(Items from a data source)
§
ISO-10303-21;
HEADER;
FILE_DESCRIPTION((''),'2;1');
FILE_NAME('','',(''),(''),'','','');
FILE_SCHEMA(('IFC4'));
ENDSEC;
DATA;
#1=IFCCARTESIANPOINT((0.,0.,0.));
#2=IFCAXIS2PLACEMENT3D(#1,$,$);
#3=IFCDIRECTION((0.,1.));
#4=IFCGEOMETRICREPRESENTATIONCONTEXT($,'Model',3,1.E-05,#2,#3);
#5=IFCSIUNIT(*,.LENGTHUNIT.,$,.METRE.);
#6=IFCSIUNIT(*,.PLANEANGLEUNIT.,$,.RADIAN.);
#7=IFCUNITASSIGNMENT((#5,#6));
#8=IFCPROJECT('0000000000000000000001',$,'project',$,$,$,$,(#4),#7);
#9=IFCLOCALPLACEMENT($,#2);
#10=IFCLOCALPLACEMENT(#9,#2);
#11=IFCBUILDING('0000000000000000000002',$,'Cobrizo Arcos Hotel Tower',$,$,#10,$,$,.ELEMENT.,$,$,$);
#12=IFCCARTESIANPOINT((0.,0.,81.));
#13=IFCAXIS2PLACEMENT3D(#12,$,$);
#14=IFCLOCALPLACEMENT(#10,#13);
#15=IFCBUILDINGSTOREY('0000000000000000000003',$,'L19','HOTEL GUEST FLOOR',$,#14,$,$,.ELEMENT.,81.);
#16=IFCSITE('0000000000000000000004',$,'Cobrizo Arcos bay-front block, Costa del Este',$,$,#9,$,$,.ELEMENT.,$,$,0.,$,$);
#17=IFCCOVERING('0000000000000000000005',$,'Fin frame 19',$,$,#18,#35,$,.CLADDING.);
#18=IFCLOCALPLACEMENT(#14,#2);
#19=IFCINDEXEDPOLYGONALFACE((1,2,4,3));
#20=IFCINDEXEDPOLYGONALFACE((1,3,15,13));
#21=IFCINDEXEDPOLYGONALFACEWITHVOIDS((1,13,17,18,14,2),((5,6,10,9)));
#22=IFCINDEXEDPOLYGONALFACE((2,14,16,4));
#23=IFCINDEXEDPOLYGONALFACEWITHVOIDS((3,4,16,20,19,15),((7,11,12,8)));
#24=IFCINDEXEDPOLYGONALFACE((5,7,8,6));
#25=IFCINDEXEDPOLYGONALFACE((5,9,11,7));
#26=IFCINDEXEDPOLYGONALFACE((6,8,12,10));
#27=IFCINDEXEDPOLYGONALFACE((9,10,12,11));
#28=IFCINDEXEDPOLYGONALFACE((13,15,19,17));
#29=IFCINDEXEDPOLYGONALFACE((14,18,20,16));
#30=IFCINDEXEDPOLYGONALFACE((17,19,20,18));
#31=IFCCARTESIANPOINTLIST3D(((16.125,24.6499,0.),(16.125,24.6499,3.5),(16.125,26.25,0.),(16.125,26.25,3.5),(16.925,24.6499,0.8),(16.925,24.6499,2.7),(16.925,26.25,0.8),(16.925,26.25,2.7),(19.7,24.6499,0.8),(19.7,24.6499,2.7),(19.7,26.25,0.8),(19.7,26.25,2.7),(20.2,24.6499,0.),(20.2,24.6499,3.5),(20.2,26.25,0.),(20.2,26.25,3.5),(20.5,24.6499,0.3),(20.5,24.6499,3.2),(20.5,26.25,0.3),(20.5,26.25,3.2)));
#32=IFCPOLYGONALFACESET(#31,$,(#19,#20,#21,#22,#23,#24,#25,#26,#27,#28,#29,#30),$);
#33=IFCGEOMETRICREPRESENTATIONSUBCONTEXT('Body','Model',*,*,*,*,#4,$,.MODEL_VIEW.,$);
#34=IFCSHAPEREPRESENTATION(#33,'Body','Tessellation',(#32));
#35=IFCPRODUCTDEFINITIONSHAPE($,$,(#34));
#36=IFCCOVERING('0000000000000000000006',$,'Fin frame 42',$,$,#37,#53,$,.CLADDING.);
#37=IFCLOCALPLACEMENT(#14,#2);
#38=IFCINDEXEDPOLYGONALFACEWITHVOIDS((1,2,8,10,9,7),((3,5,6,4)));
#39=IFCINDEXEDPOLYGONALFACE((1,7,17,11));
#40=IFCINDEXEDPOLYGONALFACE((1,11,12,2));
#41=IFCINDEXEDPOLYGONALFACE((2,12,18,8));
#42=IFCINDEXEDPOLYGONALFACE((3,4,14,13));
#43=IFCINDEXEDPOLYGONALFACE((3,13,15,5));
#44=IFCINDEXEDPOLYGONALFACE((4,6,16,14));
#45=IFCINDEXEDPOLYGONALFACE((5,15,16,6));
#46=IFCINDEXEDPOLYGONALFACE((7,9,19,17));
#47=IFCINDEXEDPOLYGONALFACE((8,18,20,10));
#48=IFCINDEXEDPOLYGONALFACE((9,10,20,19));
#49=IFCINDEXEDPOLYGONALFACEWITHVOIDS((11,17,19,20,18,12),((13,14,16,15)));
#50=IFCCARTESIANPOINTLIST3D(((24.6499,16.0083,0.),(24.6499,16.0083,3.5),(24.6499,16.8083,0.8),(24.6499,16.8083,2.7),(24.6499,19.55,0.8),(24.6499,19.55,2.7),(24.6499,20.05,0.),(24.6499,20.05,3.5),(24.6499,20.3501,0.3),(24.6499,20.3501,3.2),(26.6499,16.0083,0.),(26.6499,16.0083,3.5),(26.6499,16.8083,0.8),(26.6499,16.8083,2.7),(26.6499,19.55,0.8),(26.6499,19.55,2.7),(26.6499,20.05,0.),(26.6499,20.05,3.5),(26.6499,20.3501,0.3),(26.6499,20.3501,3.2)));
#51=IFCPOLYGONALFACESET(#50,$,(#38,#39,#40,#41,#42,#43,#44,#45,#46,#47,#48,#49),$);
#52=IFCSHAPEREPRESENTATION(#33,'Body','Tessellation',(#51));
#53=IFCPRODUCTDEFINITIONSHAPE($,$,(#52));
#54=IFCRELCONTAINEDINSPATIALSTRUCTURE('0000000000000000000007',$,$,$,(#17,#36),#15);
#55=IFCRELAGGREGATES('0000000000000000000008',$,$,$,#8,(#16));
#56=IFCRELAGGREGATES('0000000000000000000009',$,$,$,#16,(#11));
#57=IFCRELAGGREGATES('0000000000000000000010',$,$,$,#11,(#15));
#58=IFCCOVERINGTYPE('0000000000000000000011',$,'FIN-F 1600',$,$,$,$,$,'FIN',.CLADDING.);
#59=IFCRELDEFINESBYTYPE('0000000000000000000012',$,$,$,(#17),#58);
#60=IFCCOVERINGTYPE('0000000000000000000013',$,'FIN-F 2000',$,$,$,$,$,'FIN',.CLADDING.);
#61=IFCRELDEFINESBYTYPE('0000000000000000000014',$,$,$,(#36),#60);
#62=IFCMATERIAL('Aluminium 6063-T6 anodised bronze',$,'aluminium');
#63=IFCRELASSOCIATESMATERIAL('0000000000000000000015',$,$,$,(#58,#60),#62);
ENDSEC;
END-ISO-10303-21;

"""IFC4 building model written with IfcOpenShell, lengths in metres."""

from ifc_helpers import new_model, si_unit, direction, frame, origin, place, context, subcontext, project, spatial, polyline, outline, extrude, material, type_object, element, save


model = new_model("IFC4")

# Units and contexts
model_context = context("Model", 3, precision=1e-05, world=origin(), true_north=direction((0.0, 1.0)))
body_context = subcontext(model_context, "Body", "Model", "MODEL_VIEW")
ifc_project = project(units=[si_unit("LENGTHUNIT", "METRE"), si_unit("PLANEANGLEUNIT", "RADIAN")], contexts=[model_context])

# Site, building, storey
site_placement = place(None, origin())
site = spatial("IfcSite", under=ifc_project, at=site_placement, Name="Cobrizo Arcos bay-front block, Costa del Este", CompositionType="ELEMENT", RefElevation=0.0)
building_placement = place(site_placement, origin())
building = spatial("IfcBuilding", under=site, at=building_placement, Name="Cobrizo Arcos Hotel Tower", CompositionType="ELEMENT")
storey_placement = place(building_placement, frame((0.0, 0.0, 81.0)))
storey = spatial("IfcBuildingStorey", under=building, at=storey_placement, Name="L19", Description="HOTEL GUEST FLOOR", CompositionType="ELEMENT", Elevation=81.0)

# Shared definitions
ifc_material_1 = material(Name="Aluminium 6063-T6 anodised bronze", Category="aluminium")

# Coverings
covering_type_1 = type_object("IfcCoveringType", Name="FIN-F 1600", ElementType="FIN", PredefinedType="CLADDING", material=ifc_material_1)
covering_1_placement = place(storey_placement, frame((20.5, 24.6499, 0.0), z_axis=(0.0, 1.0, 0.0), x_axis=(-1.0, 0.0, 0.0)))
element("IfcCovering", 1, at=covering_1_placement, inside=storey, type_object=covering_type_1, Name="Fin frame 19", PredefinedType="CLADDING", context=body_context, shape_type="SweptSolid", body=[
    extrude(outline(polyline([(0.0, 0.3), (0.3, 0.0), (4.375, 0.0), (4.375, 3.5), (0.3, 3.5), (0.0, 3.2), (0.0, 0.3)]), holes=[polyline([(3.575, 0.8), (0.8, 0.8), (0.8, 2.7), (3.575, 2.7), (3.575, 0.8)])]), origin(), (0.0, 0.0, 1.0), 1.6001),
])
covering_type_2 = type_object("IfcCoveringType", Name="FIN-F 2000", ElementType="FIN", PredefinedType="CLADDING", material=ifc_material_1)
covering_2_placement = place(storey_placement, frame((24.6499, 16.0083, 0.0), z_axis=(1.0, 0.0, 0.0), x_axis=(0.0, 1.0, 0.0)))
element("IfcCovering", 2, at=covering_2_placement, inside=storey, type_object=covering_type_2, Name="Fin frame 42", PredefinedType="CLADDING", context=body_context, shape_type="SweptSolid", body=[
    extrude(outline(polyline([(0.0, 3.5), (0.0, 0.0), (4.0417, 0.0), (4.3418, 0.3), (4.3418, 3.2), (4.0417, 3.5), (0.0, 3.5)]), holes=[polyline([(3.5417, 0.8), (0.8, 0.8), (0.8, 2.7), (3.5417, 2.7), (3.5417, 0.8)])]), origin(), (0.0, 0.0, 1.0), 2.0),
])

save(model, "model.ifc")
§
> [Activity] Whenever a line above has the word "IFCRELAGGREGATES" in it, copy that line.

> [Result of the task]
#55=IFCRELAGGREGATES('0000000000000000000008',$,$,$,#8,(#16));
#56=IFCRELAGGREGATES('0000000000000000000009',$,$,$,#16,(#11));
#57=IFCRELAGGREGATES('0000000000000000000010',$,$,$,#11,(#15));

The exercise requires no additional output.